What the task asks: Looking only at the lines below that contain "inside", give the number of them and no other text.

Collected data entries
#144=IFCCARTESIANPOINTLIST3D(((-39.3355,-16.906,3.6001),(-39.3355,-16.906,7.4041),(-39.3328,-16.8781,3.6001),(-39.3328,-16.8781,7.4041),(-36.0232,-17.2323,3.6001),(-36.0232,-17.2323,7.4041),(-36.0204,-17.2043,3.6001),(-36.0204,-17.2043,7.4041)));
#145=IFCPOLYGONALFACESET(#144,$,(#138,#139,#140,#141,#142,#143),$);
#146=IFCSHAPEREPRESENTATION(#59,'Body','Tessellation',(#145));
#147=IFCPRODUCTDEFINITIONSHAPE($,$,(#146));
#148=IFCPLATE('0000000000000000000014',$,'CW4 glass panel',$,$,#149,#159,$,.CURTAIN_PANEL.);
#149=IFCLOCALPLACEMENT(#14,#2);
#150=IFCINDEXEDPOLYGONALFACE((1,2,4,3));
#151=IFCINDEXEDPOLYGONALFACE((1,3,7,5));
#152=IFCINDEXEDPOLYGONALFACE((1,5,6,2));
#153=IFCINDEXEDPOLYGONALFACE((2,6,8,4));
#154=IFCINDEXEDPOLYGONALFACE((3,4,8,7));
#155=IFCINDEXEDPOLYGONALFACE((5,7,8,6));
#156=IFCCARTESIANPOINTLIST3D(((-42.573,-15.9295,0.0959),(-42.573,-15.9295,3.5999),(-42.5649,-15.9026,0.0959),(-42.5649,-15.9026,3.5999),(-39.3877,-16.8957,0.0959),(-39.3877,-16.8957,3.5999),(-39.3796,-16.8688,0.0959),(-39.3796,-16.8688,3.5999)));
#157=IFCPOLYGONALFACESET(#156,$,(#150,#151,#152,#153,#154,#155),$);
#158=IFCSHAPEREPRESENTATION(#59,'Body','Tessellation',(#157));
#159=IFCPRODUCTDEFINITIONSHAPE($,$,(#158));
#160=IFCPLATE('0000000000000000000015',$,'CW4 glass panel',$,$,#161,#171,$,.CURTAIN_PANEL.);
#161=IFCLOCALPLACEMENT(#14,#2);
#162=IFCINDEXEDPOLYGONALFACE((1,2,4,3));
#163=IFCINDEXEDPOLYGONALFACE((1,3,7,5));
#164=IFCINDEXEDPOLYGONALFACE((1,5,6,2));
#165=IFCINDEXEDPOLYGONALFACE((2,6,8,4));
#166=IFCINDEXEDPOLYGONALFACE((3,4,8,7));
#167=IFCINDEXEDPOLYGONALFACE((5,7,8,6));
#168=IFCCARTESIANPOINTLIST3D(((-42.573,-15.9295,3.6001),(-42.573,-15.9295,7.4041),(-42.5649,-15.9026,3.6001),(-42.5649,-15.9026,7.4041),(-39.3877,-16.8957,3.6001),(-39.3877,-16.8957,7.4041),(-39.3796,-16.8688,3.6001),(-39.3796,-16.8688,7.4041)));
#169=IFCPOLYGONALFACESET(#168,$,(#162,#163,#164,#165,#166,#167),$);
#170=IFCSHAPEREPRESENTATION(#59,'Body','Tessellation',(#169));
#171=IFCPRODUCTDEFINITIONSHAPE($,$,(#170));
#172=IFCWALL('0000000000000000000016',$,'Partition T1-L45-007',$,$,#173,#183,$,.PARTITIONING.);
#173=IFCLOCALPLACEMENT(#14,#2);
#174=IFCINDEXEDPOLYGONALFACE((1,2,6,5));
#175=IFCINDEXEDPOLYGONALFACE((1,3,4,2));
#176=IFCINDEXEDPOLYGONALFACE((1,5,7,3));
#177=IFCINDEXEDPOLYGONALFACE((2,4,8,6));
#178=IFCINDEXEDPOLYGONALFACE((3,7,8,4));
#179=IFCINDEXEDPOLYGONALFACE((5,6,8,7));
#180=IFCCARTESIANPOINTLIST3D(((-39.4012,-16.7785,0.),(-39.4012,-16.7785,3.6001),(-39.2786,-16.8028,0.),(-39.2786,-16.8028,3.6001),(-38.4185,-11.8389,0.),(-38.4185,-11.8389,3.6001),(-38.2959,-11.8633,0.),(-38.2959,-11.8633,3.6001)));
--
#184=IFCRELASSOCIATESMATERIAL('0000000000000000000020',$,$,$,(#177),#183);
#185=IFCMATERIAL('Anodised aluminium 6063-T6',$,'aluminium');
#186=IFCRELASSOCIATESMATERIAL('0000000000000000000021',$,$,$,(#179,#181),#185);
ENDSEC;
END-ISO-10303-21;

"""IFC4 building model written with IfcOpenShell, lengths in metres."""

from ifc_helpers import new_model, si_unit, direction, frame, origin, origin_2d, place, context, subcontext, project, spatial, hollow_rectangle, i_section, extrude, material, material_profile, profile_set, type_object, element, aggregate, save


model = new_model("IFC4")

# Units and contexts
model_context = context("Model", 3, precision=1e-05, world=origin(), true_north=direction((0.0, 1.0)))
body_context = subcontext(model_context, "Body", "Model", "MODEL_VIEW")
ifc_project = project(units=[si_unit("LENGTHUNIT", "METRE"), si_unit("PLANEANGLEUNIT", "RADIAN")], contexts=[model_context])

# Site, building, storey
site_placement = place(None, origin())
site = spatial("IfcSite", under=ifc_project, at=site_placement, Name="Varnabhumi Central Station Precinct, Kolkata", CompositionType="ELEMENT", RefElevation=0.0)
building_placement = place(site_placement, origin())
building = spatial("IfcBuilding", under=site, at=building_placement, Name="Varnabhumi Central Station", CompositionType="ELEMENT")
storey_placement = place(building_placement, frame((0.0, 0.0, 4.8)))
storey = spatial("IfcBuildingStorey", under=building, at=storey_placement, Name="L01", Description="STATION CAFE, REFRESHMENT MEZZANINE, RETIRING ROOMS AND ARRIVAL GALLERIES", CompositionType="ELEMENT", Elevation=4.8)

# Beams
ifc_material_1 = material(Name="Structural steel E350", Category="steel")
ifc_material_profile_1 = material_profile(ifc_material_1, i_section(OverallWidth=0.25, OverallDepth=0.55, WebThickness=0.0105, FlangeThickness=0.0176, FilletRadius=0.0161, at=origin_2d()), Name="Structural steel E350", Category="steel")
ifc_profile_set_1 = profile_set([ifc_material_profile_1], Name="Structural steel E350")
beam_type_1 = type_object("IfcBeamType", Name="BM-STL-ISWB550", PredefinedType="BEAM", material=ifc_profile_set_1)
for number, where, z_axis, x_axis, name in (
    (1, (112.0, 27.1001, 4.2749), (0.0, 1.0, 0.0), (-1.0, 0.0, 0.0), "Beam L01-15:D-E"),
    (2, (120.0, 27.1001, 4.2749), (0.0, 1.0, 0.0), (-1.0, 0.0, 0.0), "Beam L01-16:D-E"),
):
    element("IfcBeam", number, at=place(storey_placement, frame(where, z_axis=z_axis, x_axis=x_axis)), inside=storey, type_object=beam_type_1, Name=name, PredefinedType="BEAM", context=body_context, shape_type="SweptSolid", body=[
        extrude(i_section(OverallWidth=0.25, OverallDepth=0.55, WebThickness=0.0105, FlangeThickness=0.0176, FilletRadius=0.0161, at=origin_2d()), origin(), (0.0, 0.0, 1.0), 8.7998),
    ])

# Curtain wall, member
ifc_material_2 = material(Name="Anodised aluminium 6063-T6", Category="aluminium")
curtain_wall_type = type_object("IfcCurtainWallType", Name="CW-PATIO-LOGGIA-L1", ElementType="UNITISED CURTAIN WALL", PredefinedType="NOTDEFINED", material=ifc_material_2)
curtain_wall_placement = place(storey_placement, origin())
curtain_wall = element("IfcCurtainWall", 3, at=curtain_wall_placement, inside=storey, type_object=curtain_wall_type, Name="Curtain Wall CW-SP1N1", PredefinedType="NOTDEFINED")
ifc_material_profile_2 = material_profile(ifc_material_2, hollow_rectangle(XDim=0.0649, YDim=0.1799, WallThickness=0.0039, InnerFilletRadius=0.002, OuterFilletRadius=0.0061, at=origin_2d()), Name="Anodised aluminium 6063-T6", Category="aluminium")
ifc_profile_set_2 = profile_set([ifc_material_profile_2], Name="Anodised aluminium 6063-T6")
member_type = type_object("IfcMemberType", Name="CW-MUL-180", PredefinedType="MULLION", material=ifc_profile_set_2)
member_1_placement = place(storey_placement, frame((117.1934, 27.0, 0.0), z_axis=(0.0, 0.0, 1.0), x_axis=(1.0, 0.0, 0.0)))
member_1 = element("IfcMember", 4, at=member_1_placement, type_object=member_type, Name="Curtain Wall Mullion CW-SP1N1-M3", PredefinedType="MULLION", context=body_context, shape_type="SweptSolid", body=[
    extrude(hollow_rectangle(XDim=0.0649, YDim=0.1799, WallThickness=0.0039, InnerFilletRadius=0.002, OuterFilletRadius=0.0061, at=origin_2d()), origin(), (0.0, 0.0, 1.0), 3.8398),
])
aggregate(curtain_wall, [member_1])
---
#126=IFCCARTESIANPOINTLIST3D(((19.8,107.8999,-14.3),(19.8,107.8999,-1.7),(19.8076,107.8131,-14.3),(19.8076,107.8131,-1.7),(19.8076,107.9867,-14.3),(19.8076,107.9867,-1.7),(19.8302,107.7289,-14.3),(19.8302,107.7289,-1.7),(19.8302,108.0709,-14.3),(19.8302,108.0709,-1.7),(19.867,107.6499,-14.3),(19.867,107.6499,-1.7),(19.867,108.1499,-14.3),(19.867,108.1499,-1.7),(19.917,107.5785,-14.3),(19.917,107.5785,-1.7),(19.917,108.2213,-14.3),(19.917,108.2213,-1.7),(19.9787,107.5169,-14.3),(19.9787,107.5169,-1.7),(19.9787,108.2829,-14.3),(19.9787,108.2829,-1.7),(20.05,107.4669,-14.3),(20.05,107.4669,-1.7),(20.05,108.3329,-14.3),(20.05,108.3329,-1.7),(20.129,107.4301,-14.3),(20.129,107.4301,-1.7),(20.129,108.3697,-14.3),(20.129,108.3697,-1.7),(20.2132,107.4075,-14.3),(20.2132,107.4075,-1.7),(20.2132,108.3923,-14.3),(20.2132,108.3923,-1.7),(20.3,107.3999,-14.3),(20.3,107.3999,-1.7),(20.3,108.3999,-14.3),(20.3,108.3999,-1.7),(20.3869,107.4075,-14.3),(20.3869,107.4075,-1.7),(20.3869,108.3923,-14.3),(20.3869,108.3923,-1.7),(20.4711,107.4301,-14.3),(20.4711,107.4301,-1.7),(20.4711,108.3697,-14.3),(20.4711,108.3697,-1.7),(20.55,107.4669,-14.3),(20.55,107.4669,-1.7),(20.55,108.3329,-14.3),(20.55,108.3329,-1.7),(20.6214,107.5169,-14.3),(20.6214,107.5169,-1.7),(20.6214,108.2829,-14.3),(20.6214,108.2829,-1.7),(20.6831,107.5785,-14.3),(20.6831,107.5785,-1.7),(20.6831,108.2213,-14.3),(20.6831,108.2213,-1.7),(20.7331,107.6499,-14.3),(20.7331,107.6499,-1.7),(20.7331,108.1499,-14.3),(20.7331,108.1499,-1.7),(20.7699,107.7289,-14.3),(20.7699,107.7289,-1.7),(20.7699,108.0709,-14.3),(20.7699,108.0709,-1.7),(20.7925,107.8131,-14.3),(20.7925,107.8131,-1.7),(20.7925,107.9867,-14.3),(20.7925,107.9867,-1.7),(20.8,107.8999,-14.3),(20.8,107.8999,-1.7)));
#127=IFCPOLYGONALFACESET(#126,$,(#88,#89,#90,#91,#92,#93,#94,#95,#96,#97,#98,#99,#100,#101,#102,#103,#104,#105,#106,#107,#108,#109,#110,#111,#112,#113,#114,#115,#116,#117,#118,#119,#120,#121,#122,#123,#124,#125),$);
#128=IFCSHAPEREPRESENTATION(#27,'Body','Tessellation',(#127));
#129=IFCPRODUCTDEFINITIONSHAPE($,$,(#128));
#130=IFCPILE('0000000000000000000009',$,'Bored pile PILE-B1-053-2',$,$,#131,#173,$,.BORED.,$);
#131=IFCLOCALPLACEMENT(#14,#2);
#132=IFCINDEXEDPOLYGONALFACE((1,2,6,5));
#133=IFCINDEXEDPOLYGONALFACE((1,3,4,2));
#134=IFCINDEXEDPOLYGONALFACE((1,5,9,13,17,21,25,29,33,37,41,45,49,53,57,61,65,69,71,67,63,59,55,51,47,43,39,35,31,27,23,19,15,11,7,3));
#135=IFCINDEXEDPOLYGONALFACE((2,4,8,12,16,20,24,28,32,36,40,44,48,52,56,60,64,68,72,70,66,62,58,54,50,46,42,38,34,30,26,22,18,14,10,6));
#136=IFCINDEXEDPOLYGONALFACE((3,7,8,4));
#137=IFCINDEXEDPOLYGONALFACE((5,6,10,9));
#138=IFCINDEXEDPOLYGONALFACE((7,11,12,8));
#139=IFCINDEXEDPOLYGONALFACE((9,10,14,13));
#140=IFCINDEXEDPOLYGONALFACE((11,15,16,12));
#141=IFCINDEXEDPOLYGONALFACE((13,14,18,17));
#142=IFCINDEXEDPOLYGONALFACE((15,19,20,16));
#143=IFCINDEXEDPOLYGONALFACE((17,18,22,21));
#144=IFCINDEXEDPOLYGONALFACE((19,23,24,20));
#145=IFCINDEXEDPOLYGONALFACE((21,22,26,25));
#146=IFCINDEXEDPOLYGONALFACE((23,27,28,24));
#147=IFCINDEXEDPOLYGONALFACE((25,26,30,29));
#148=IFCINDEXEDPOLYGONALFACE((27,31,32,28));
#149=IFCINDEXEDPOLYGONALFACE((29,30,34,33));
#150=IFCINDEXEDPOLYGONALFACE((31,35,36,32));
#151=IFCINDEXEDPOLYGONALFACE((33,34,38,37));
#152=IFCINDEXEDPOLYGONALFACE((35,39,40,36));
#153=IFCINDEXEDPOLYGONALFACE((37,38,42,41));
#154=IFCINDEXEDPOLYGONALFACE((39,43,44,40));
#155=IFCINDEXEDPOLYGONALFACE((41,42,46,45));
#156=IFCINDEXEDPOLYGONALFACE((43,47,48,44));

Answer for this exercise: 2